Stored data:
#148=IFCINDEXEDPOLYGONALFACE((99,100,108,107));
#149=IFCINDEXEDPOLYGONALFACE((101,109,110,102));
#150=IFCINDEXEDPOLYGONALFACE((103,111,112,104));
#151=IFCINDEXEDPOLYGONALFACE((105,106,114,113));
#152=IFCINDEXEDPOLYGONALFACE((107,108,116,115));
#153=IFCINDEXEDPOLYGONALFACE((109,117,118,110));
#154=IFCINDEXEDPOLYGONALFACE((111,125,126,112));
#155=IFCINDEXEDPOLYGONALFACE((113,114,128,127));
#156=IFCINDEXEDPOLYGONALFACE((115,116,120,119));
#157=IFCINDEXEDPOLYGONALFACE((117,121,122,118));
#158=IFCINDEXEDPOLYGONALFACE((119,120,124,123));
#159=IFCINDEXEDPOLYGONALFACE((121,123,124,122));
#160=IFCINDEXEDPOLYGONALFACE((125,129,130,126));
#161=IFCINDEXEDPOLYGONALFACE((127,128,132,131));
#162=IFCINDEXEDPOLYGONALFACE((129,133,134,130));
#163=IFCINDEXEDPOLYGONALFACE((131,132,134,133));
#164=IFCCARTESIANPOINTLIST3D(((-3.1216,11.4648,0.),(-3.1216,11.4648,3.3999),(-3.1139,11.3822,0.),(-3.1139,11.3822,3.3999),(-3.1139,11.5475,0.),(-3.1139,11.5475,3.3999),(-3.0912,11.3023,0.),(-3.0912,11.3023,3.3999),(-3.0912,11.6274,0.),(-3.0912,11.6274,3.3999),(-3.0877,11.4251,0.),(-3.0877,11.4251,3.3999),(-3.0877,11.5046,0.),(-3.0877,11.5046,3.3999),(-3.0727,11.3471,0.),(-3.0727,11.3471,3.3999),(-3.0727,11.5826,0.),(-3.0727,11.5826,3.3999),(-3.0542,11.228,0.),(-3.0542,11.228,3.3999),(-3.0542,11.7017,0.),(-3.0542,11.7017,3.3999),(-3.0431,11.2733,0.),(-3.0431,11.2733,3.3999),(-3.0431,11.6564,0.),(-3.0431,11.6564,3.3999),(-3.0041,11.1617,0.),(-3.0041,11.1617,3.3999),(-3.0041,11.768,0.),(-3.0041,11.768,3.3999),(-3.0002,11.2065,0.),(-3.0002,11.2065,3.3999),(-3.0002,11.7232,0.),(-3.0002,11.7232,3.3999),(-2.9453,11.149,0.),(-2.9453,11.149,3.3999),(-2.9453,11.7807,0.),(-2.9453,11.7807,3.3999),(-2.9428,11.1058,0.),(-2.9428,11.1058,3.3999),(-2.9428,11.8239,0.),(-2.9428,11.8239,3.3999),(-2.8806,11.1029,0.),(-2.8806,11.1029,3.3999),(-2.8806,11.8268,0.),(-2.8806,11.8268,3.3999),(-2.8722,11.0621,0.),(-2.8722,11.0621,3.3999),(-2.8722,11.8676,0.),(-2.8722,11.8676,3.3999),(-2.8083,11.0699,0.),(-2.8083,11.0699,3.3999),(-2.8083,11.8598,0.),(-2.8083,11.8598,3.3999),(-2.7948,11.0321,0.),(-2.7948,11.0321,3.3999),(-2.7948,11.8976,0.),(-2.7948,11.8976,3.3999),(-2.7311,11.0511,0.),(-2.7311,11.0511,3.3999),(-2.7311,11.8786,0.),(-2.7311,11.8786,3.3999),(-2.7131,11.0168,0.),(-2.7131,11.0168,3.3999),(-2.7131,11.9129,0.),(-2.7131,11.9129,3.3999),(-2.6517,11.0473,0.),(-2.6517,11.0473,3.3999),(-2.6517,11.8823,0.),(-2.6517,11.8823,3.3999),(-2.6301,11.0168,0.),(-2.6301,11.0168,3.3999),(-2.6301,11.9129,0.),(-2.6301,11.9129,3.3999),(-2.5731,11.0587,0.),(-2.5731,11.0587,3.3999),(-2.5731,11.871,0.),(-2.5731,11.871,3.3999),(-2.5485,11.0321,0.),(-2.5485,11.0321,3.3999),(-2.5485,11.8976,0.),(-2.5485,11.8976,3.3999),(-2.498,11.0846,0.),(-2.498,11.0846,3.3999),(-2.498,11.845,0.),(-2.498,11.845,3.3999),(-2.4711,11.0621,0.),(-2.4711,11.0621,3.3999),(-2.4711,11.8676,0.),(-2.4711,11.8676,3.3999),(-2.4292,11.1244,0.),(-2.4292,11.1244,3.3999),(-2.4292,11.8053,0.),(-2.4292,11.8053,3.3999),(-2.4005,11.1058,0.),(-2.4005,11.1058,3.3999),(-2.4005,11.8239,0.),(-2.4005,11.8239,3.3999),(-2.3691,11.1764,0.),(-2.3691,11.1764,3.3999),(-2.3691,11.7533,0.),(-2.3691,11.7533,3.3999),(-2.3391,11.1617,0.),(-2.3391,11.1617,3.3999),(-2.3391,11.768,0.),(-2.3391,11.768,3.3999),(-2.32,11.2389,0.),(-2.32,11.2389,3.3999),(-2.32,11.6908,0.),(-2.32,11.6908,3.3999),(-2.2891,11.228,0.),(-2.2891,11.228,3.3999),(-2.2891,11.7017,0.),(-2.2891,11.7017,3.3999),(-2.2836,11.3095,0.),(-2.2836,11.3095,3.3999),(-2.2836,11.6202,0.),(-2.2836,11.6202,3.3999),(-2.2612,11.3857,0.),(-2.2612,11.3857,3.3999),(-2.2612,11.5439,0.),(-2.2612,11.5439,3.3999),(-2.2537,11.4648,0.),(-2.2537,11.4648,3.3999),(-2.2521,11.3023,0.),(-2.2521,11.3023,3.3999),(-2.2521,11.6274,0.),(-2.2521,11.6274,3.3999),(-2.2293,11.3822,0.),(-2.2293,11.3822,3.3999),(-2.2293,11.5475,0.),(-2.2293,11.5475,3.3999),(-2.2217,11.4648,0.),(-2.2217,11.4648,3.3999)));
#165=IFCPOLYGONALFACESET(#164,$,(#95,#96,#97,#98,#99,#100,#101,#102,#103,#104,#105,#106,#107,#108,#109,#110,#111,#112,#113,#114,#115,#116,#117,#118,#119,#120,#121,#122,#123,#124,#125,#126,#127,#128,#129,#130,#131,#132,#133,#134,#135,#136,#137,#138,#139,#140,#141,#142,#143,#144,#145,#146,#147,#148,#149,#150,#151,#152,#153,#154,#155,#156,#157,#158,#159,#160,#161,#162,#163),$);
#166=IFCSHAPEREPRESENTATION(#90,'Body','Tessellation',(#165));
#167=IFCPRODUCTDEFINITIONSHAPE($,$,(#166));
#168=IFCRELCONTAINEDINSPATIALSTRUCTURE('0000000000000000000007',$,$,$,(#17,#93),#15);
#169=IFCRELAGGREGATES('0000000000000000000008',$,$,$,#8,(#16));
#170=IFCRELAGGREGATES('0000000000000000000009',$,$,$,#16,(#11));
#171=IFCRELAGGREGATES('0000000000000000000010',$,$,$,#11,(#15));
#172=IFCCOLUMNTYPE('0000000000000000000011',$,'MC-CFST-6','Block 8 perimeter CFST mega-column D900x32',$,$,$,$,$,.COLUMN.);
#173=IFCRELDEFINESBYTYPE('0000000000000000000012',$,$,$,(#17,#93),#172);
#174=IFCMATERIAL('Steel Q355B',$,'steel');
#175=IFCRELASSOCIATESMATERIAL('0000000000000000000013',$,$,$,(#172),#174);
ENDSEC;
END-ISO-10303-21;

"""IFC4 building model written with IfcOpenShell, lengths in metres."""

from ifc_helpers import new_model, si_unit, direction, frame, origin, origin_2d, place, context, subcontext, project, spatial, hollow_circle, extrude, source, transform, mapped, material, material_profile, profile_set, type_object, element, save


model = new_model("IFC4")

**The problem:** How many lines in the records above contain the word "IFCRELAGGREGATES"? State that number and nothing more.

**Answer box:** 3